Only some lines are wanted. Transcribe, exactly, the lines below from the line with "#80=IFCINDEXEDPOLYGONALFACE((1,2,6,5));" up to and including the line with "#211=IFCMATERIAL('Steel S355',$,'steel');".
═════ Provided data
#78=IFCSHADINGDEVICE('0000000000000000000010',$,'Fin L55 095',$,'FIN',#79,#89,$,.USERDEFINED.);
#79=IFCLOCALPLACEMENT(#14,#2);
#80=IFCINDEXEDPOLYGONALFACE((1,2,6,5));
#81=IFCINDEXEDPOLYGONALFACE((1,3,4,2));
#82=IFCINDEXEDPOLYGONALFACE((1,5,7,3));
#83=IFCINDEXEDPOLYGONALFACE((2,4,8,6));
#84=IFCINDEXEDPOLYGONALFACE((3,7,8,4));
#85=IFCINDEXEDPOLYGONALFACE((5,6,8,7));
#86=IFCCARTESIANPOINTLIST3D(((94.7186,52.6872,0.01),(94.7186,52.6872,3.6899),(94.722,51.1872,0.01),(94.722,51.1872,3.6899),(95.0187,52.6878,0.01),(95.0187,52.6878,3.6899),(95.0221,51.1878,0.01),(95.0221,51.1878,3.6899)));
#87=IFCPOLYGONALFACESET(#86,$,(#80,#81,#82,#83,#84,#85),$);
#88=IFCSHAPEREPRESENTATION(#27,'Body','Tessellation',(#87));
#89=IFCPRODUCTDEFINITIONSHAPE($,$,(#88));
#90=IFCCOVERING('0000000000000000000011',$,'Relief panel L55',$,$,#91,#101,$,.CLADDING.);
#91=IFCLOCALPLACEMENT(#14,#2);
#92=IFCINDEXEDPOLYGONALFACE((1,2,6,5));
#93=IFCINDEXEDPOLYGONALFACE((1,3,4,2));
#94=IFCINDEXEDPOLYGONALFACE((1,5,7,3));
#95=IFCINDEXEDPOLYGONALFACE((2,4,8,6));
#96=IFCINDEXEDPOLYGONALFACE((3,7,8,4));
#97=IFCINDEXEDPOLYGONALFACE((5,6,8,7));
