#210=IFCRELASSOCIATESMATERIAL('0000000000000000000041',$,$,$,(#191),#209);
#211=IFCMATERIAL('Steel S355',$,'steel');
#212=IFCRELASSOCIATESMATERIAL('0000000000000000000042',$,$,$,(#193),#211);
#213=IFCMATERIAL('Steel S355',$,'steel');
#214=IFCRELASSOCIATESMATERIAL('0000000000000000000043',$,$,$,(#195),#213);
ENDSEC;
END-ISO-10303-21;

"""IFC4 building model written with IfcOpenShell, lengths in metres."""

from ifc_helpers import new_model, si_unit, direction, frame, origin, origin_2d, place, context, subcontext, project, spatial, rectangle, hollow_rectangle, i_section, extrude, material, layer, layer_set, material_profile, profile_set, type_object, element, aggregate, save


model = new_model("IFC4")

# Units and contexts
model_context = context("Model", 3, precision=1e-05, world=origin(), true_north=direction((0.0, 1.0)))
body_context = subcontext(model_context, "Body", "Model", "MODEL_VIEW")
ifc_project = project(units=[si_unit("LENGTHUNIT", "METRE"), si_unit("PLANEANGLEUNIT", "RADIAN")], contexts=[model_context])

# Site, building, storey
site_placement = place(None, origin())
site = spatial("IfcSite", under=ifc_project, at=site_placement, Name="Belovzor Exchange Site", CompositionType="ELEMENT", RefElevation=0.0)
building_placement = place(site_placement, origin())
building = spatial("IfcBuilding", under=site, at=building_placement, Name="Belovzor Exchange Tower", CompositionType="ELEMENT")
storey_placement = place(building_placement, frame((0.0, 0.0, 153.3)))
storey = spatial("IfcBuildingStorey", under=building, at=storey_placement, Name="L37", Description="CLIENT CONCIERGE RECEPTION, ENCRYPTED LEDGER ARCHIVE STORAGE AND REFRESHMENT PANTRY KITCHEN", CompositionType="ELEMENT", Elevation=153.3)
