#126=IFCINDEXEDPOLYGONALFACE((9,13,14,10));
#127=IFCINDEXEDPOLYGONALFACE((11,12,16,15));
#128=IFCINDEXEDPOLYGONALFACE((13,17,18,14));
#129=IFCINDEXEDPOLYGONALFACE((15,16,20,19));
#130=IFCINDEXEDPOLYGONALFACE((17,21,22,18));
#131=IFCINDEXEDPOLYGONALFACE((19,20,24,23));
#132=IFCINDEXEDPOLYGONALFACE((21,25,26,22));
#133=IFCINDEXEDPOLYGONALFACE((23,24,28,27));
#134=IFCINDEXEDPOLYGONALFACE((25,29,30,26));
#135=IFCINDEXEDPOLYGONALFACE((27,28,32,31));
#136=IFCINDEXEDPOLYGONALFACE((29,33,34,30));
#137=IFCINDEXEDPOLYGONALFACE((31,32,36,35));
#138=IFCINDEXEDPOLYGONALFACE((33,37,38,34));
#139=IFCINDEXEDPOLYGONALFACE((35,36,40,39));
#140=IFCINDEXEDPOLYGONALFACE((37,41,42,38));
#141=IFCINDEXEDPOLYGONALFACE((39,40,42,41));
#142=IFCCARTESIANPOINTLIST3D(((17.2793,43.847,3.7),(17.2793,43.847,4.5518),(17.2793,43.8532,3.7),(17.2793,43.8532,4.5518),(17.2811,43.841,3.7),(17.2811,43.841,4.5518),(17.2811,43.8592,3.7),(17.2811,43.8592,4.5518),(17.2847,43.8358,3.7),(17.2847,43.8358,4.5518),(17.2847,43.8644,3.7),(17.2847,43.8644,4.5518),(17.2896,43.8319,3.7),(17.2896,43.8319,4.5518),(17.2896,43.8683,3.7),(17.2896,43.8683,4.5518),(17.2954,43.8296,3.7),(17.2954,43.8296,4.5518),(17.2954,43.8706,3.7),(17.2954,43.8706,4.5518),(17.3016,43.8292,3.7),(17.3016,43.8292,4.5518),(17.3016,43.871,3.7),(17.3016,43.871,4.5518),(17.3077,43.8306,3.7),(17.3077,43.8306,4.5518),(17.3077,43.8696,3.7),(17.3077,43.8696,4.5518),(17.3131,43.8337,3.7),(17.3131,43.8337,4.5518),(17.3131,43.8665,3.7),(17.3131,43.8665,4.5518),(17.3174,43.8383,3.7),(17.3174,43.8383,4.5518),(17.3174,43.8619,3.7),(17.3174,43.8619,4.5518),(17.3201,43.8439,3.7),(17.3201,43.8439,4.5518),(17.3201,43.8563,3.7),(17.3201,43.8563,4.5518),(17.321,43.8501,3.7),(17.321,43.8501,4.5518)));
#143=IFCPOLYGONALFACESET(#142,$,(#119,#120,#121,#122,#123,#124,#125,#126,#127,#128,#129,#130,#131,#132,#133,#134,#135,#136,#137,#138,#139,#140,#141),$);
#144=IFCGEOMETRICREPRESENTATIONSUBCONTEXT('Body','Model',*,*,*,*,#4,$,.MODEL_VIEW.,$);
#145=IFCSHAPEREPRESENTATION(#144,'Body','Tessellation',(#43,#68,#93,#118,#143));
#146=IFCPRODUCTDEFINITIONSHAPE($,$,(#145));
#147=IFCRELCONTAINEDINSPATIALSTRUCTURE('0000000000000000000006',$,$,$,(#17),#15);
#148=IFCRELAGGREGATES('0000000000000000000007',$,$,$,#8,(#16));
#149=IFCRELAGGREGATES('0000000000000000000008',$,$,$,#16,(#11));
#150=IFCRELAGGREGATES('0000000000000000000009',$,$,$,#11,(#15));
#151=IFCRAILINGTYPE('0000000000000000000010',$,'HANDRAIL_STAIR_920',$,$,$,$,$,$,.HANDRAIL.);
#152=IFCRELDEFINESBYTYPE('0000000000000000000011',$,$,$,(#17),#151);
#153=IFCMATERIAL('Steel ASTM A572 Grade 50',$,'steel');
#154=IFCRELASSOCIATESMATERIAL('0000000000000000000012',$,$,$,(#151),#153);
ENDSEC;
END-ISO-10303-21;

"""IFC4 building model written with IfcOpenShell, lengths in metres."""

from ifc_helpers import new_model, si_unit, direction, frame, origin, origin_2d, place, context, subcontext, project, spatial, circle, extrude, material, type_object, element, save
══════════
● **Solution**
#80=IFCINDEXEDPOLYGONALFACE((1,2,6,5));
#81=IFCINDEXEDPOLYGONALFACE((1,3,4,2));
#82=IFCINDEXEDPOLYGONALFACE((1,5,7,3));
#83=IFCINDEXEDPOLYGONALFACE((2,4,8,6));
#84=IFCINDEXEDPOLYGONALFACE((3,7,8,4));
#85=IFCINDEXEDPOLYGONALFACE((5,6,8,7));
#86=IFCCARTESIANPOINTLIST3D(((94.7186,52.6872,0.01),(94.7186,52.6872,3.6899),(94.722,51.1872,0.01),(94.722,51.1872,3.6899),(95.0187,52.6878,0.01),(95.0187,52.6878,3.6899),(95.0221,51.1878,0.01),(95.0221,51.1878,3.6899)));
#87=IFCPOLYGONALFACESET(#86,$,(#80,#81,#82,#83,#84,#85),$);
#88=IFCSHAPEREPRESENTATION(#27,'Body','Tessellation',(#87));
#89=IFCPRODUCTDEFINITIONSHAPE($,$,(#88));
#90=IFCCOVERING('0000000000000000000011',$,'Relief panel L55',$,$,#91,#101,$,.CLADDING.);
#91=IFCLOCALPLACEMENT(#14,#2);
#92=IFCINDEXEDPOLYGONALFACE((1,2,6,5));
#93=IFCINDEXEDPOLYGONALFACE((1,3,4,2));
#94=IFCINDEXEDPOLYGONALFACE((1,5,7,3));
#95=IFCINDEXEDPOLYGONALFACE((2,4,8,6));
#96=IFCINDEXEDPOLYGONALFACE((3,7,8,4));
#97=IFCINDEXEDPOLYGONALFACE((5,6,8,7));
#210=IFCRELASSOCIATESMATERIAL('0000000000000000000041',$,$,$,(#191),#209);
#211=IFCMATERIAL('Steel S355',$,'steel');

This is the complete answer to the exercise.